> [Task description] Out of the material that follows, write out exactly the lines from the line with "#32=IFCINDEXEDPOLYGONALFACE((1,2,4,3));" to the line with "#37=IFCINDEXEDPOLYGONALFACE((5,7,8,6));", both ends included, and no others.

> [Entries supplied]
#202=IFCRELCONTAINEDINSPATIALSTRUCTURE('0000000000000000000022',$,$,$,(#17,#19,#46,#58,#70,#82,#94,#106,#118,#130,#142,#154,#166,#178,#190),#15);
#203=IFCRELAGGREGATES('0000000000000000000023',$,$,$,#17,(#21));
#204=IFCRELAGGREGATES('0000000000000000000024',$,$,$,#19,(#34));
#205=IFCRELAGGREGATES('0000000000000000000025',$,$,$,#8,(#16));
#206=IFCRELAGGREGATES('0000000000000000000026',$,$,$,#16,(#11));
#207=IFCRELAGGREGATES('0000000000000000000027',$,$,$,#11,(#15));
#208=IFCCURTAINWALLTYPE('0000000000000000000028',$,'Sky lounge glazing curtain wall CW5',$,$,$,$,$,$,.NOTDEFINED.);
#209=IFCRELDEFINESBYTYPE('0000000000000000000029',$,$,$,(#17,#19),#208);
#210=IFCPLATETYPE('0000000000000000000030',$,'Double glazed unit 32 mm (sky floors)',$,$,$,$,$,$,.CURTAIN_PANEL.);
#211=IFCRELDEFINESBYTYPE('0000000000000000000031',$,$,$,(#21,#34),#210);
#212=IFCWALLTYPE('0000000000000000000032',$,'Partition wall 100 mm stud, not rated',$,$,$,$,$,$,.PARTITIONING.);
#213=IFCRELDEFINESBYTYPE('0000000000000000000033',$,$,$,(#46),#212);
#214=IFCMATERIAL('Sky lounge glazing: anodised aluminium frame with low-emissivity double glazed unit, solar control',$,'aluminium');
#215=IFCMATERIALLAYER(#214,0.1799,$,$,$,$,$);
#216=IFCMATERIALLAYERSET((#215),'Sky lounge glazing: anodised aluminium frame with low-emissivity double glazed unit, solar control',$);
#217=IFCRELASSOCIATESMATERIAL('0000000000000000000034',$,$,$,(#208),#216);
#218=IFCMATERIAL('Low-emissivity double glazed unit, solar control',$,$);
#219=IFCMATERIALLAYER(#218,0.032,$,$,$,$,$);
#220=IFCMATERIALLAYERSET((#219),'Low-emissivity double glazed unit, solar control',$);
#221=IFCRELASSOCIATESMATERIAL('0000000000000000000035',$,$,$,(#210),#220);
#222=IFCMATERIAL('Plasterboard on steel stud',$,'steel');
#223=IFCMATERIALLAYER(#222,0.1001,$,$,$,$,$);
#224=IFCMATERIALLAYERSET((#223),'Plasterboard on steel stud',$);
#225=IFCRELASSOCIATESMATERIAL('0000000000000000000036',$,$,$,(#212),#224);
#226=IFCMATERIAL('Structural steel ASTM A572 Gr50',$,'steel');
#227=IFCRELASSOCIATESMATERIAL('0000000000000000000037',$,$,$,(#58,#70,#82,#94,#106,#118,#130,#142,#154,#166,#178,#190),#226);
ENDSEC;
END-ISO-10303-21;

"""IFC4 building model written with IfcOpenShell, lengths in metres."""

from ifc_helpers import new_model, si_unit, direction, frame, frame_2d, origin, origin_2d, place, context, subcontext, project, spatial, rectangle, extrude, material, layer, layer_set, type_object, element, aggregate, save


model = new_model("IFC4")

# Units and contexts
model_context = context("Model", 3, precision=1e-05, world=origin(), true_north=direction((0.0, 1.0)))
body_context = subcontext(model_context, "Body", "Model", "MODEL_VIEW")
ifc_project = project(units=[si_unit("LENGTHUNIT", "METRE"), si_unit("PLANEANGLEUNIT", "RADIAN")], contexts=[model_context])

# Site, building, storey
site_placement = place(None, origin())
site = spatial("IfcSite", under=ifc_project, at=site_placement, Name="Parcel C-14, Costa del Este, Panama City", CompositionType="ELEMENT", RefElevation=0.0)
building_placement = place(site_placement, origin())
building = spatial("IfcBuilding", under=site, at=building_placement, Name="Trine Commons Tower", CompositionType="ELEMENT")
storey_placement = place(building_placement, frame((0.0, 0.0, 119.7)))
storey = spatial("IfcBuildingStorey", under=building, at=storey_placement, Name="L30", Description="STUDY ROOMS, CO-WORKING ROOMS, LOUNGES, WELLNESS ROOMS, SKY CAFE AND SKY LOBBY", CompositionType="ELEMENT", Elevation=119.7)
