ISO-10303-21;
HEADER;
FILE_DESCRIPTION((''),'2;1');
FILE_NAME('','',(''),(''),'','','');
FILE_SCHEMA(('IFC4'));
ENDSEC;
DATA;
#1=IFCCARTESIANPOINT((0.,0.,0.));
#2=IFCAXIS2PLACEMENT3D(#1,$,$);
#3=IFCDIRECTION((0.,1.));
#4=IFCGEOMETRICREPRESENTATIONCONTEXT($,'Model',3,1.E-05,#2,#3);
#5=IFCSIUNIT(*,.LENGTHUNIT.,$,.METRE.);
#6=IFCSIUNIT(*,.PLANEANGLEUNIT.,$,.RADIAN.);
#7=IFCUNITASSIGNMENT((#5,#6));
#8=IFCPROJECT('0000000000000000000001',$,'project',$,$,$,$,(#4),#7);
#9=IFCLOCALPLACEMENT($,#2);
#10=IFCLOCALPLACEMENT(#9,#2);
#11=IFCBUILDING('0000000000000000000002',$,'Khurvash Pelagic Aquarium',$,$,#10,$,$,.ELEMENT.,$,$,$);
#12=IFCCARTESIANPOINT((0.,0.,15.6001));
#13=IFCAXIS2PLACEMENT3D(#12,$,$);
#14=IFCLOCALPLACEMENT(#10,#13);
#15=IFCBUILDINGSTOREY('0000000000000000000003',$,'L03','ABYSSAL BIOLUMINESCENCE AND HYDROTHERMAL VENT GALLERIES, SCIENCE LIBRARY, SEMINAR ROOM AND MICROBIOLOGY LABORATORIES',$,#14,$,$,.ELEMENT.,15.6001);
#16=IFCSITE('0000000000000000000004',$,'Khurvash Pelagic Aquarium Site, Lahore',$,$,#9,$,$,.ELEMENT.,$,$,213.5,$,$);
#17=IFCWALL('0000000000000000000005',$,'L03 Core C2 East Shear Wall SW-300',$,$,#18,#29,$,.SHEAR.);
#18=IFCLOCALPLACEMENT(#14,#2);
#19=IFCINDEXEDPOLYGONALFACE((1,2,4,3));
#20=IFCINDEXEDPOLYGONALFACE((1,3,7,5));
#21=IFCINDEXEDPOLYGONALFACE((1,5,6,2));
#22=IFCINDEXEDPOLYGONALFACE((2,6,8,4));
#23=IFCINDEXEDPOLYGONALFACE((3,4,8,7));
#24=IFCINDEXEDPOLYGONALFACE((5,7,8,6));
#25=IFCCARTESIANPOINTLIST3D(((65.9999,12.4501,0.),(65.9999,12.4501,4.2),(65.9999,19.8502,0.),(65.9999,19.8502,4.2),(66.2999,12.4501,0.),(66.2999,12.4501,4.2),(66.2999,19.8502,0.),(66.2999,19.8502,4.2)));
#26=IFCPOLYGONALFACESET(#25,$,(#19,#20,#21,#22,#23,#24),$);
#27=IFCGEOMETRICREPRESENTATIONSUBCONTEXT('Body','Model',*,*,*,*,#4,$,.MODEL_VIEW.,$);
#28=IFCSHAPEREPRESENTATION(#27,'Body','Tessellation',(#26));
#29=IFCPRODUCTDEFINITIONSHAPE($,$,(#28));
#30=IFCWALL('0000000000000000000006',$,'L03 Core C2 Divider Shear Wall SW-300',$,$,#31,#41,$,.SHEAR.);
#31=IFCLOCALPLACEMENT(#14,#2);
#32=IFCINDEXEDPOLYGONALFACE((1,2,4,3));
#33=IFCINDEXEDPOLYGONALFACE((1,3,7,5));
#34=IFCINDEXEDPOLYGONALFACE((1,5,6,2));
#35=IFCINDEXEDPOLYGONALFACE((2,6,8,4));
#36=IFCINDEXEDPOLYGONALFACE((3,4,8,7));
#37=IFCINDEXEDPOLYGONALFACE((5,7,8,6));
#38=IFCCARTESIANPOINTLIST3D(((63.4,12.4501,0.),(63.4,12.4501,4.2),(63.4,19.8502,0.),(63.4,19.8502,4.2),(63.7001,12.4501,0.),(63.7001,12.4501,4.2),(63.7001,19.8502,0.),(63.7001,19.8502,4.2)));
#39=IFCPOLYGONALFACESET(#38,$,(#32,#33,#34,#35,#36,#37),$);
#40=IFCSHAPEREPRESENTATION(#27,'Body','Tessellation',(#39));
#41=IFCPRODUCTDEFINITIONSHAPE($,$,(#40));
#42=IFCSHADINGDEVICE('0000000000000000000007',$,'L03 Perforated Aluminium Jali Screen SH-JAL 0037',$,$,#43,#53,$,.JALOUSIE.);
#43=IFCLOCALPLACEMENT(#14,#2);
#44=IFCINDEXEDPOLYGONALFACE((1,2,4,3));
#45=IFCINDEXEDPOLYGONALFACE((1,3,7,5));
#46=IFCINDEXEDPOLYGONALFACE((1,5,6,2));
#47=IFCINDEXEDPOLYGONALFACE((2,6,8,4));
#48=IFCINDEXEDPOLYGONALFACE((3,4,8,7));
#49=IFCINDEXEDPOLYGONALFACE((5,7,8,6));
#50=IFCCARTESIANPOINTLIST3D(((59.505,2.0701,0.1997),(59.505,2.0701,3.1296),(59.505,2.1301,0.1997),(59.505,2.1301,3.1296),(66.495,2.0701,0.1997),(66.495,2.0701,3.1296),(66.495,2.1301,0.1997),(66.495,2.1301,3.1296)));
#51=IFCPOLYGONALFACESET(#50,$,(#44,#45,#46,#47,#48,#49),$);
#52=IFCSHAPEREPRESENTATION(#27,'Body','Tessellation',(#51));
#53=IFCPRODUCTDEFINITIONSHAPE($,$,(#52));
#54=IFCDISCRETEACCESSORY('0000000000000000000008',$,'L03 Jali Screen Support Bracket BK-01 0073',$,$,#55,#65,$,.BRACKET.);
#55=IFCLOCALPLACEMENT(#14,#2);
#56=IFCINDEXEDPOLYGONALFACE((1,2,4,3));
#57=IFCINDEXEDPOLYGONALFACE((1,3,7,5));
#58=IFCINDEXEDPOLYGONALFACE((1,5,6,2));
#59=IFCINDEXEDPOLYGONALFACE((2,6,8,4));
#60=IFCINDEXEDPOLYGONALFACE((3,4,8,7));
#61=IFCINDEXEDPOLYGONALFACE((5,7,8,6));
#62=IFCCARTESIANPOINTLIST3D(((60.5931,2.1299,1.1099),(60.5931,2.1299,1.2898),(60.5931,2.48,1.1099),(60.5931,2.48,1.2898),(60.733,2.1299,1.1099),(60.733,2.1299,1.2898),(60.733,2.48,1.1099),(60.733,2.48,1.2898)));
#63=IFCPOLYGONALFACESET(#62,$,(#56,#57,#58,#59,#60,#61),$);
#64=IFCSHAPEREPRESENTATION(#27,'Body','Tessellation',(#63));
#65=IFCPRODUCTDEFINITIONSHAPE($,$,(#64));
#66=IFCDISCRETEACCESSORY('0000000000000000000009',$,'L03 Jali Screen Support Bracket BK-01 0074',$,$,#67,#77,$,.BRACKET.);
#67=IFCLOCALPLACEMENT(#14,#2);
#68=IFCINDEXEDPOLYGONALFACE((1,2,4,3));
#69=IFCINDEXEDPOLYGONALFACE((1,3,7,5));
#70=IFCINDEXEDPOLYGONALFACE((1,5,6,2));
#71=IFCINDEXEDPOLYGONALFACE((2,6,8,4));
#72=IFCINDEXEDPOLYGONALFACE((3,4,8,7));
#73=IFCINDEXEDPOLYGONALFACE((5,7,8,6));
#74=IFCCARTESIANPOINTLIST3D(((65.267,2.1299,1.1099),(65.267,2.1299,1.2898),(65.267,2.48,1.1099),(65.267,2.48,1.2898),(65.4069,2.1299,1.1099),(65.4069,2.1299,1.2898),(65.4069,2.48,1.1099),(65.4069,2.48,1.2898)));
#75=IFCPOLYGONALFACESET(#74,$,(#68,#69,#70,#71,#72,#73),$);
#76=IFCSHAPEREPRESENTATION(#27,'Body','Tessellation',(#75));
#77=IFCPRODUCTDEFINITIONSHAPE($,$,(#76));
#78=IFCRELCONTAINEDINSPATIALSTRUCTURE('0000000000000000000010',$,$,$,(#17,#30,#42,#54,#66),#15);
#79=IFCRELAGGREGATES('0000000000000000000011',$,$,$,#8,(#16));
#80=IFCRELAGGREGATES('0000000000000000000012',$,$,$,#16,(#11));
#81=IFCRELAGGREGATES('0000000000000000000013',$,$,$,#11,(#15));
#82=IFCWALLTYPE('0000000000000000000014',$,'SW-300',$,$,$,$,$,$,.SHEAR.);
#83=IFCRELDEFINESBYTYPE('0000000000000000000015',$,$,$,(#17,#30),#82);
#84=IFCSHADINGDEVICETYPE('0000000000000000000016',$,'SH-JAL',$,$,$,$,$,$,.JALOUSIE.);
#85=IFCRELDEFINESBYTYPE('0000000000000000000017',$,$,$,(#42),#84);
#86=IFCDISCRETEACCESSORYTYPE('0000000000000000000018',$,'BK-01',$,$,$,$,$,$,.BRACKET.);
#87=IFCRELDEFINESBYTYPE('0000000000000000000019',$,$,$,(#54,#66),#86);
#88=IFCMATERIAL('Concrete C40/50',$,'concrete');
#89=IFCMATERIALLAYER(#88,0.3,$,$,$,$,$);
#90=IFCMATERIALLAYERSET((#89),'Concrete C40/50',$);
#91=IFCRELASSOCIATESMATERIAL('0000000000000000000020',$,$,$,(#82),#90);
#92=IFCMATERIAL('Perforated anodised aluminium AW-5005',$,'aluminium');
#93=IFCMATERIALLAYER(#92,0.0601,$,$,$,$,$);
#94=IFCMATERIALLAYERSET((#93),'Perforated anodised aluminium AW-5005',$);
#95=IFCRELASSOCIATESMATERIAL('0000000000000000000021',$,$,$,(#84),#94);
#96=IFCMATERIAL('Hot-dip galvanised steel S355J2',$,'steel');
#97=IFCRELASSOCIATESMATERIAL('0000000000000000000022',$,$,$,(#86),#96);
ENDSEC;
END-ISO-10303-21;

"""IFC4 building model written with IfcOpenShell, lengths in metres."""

from ifc_helpers import new_model, si_unit, direction, frame, frame_2d, origin, origin_2d, place, context, subcontext, project, spatial, rectangle, extrude, material, layer, layer_set, type_object, element, save


model = new_model("IFC4")

# Units and contexts
model_context = context("Model", 3, precision=1e-05, world=origin(), true_north=direction((0.0, 1.0)))
body_context = subcontext(model_context, "Body", "Model", "MODEL_VIEW")
ifc_project = project(units=[si_unit("LENGTHUNIT", "METRE"), si_unit("PLANEANGLEUNIT", "RADIAN")], contexts=[model_context])

# Site, building, storey
site_placement = place(None, origin())
site = spatial("IfcSite", under=ifc_project, at=site_placement, Name="Khurvash Pelagic Aquarium Site, Lahore", CompositionType="ELEMENT", RefElevation=213.5)
building_placement = place(site_placement, origin())
building = spatial("IfcBuilding", under=site, at=building_placement, Name="Khurvash Pelagic Aquarium", CompositionType="ELEMENT")
storey_placement = place(building_placement, frame((0.0, 0.0, 15.6001)))
storey = spatial("IfcBuildingStorey", under=building, at=storey_placement, Name="L03", Description="ABYSSAL BIOLUMINESCENCE AND HYDROTHERMAL VENT GALLERIES, SCIENCE LIBRARY, SEMINAR ROOM AND MICROBIOLOGY LABORATORIES", CompositionType="ELEMENT", Elevation=15.6001)

# Shared definitions
ifc_material_1 = material(Name="Concrete C40/50", Category="concrete")

# Walls
ifc_layer_1 = layer(ifc_material_1, 0.3)
ifc_layer_set_1 = layer_set([ifc_layer_1], Name="Concrete C40/50")
wall_type_1 = type_object("IfcWallType", Name="SW-300", PredefinedType="SHEAR", material=ifc_layer_set_1)
for number, where, z_axis, x_axis, name in (
    (1, (66.1499, 12.45, 0.0), (0.0, 0.0, 1.0), (0.0, 1.0, 0.0), "L03 Core C2 East Shear Wall SW-300"),
    (2, (63.55, 12.45, 0.0), (0.0, 0.0, 1.0), (0.0, 1.0, 0.0), "L03 Core C2 Divider Shear Wall SW-300"),
):
    element("IfcWall", number, at=place(storey_placement, frame(where, z_axis=z_axis, x_axis=x_axis)), inside=storey, type_object=wall_type_1, Name=name, PredefinedType="SHEAR", context=body_context, shape_type="SweptSolid", body=[
        extrude(rectangle(XDim=7.4001, YDim=0.3, at=frame_2d((3.7002, 0.0))), origin(), (0.0, 0.0, 1.0), 4.2),
    ])

# Shading device
ifc_material_2 = material(Name="Perforated anodised aluminium AW-5005", Category="aluminium")
ifc_layer_2 = layer(ifc_material_2, 0.0601)
ifc_layer_set_2 = layer_set([ifc_layer_2], Name="Perforated anodised aluminium AW-5005")
shading_device_type = type_object("IfcShadingDeviceType", Name="SH-JAL", PredefinedType="JALOUSIE", material=ifc_layer_set_2)
shading_device_placement = place(storey_placement, frame((63.0, 2.1001, 0.1997), z_axis=(0.0, 0.0, 1.0), x_axis=(1.0, 0.0, 0.0)))
element("IfcShadingDevice", 3, at=shading_device_placement, inside=storey, type_object=shading_device_type, Name="L03 Perforated Aluminium Jali Screen SH-JAL 0037", PredefinedType="JALOUSIE", context=body_context, shape_type="SweptSolid", body=[
    extrude(rectangle(XDim=6.99, YDim=0.0601, at=origin_2d()), origin(), (0.0, 0.0, 1.0), 2.9299),
])

# Discrete accessories
ifc_material_3 = material(Name="Hot-dip galvanised steel S355J2", Category="steel")
discrete_accessory_type = type_object("IfcDiscreteAccessoryType", Name="BK-01", PredefinedType="BRACKET", material=ifc_material_3)
for number, where, z_axis, x_axis, name in (
    (4, (60.6631, 2.3049, 1.1099), (0.0, 0.0, 1.0), (1.0, 0.0, 0.0), "L03 Jali Screen Support Bracket BK-01 0073"),
    (5, (65.3369, 2.3049, 1.1099), (0.0, 0.0, 1.0), (1.0, 0.0, 0.0), "L03 Jali Screen Support Bracket BK-01 0074"),
):
    element("IfcDiscreteAccessory", number, at=place(storey_placement, frame(where, z_axis=z_axis, x_axis=x_axis)), inside=storey, type_object=discrete_accessory_type, Name=name, PredefinedType="BRACKET", context=body_context, shape_type="SweptSolid", body=[
        extrude(rectangle(XDim=0.1399, YDim=0.3501, at=origin_2d()), origin(), (0.0, 0.0, 1.0), 0.1799),
    ])

save(model, "model.ifc")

> [Exercise answer]
#32=IFCINDEXEDPOLYGONALFACE((1,2,4,3));
#33=IFCINDEXEDPOLYGONALFACE((1,3,7,5));
#34=IFCINDEXEDPOLYGONALFACE((1,5,6,2));
#35=IFCINDEXEDPOLYGONALFACE((2,6,8,4));
#36=IFCINDEXEDPOLYGONALFACE((3,4,8,7));
#37=IFCINDEXEDPOLYGONALFACE((5,7,8,6));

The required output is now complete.